### WHAT THE TASK REQUIRES
State how many lines in the listing below contain the word "Description", and write nothing else.

### TASK MATERIAL

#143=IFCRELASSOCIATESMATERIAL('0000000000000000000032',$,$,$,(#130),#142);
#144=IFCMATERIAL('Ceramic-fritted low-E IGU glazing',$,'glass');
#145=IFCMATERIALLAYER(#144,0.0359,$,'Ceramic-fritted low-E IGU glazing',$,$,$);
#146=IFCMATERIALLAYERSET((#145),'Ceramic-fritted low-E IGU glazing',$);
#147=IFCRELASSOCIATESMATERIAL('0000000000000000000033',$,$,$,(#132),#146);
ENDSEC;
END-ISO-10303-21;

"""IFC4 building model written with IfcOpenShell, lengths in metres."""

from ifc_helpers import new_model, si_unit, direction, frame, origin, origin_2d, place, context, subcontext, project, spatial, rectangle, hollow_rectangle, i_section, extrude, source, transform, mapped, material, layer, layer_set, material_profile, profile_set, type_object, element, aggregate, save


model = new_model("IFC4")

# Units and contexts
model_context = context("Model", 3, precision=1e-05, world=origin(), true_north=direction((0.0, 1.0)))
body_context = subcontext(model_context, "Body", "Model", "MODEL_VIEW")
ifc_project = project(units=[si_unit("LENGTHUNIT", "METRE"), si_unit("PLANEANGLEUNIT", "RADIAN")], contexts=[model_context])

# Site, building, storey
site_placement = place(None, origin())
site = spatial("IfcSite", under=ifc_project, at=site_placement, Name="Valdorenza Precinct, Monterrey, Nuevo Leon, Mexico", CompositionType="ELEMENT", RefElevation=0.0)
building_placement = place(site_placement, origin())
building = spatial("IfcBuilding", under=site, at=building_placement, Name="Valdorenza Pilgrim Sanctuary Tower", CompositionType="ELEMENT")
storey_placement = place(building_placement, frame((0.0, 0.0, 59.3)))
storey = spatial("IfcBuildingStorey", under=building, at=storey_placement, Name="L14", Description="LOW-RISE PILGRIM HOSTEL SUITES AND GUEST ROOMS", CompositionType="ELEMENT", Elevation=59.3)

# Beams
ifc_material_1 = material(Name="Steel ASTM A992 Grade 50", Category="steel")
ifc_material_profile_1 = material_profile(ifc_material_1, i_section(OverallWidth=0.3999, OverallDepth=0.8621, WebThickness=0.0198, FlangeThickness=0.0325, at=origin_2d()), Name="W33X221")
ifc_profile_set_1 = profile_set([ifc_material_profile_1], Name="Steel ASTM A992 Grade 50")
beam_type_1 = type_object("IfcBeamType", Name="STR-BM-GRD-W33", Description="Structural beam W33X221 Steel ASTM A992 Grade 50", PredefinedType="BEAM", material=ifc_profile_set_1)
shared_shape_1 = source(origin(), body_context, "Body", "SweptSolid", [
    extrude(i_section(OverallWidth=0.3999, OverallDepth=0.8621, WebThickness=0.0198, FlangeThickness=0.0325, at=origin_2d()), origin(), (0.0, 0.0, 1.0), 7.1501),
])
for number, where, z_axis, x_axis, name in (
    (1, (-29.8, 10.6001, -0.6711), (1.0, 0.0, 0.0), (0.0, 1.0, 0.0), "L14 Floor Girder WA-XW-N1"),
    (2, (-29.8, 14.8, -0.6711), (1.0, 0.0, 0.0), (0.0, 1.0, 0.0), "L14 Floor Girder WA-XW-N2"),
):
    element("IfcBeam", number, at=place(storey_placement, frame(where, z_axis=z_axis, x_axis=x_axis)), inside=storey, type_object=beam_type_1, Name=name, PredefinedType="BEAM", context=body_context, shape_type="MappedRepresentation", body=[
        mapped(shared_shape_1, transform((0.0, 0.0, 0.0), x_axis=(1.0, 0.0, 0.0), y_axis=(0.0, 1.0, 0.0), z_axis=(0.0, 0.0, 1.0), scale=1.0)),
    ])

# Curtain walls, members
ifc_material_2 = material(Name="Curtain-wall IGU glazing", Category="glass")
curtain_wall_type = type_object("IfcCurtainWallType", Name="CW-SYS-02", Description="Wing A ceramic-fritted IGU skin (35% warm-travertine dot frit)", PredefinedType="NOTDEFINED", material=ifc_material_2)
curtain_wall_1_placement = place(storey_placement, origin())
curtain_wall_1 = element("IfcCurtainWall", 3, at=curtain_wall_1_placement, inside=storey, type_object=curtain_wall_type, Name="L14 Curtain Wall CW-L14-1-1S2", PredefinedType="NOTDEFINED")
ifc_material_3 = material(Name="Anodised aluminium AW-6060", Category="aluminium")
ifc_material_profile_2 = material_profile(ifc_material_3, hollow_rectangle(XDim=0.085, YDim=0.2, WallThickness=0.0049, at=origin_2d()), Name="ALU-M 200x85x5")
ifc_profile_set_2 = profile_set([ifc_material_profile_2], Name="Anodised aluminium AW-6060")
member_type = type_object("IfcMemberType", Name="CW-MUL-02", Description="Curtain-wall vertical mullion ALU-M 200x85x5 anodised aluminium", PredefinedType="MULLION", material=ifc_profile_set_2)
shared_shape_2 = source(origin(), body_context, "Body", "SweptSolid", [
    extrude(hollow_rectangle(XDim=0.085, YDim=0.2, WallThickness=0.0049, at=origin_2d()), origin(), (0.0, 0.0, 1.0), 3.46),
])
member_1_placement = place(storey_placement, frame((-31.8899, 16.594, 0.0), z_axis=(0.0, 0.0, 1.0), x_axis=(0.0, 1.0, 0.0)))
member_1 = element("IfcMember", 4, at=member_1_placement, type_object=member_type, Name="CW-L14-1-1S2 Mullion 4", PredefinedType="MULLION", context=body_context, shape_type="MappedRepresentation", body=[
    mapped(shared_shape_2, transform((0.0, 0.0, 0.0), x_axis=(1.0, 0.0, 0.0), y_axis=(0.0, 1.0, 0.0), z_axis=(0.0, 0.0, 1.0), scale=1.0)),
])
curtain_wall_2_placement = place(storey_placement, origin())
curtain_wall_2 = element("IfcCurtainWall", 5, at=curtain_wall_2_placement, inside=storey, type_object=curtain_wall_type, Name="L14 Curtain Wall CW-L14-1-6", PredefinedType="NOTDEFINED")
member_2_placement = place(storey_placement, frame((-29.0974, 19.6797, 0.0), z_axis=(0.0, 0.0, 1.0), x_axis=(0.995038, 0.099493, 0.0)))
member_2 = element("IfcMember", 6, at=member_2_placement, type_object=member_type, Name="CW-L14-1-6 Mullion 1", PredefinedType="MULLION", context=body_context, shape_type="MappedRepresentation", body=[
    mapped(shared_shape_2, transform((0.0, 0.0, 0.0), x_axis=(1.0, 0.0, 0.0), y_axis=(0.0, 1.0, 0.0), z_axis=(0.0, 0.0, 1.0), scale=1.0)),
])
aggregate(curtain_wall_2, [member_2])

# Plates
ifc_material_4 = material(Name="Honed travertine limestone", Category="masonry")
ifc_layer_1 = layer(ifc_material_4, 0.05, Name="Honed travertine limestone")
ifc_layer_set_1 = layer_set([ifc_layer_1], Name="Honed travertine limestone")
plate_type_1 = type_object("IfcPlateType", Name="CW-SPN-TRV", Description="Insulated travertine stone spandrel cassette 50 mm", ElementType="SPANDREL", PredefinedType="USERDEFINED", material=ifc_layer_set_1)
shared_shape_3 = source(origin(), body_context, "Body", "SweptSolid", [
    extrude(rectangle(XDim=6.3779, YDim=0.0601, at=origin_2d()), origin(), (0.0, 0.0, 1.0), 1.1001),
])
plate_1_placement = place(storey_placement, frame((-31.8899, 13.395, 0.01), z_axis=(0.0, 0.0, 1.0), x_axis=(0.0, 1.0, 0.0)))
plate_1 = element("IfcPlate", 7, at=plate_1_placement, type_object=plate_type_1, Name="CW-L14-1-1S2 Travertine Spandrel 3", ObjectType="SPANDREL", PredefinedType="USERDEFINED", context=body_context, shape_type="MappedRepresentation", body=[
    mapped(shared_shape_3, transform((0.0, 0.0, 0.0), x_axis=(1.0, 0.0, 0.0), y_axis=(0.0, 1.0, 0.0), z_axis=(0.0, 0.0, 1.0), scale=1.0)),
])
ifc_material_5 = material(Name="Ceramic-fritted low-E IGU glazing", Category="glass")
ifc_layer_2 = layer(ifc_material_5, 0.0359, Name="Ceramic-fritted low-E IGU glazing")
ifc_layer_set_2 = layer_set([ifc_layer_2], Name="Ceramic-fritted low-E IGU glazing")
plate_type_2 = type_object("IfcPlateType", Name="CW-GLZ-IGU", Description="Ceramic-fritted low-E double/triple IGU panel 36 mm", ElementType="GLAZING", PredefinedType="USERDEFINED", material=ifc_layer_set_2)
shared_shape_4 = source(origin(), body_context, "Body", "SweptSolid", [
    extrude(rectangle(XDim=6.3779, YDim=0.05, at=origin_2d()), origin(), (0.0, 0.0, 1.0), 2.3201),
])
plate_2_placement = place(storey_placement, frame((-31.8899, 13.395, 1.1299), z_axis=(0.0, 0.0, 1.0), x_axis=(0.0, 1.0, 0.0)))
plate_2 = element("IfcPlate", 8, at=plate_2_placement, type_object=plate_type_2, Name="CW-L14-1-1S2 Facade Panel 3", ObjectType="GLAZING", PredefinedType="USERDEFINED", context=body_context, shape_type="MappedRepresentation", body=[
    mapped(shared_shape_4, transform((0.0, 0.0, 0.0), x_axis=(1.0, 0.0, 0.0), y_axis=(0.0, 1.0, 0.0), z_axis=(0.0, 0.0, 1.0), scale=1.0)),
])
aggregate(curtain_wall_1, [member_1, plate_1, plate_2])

### SOLUTION BELOW
6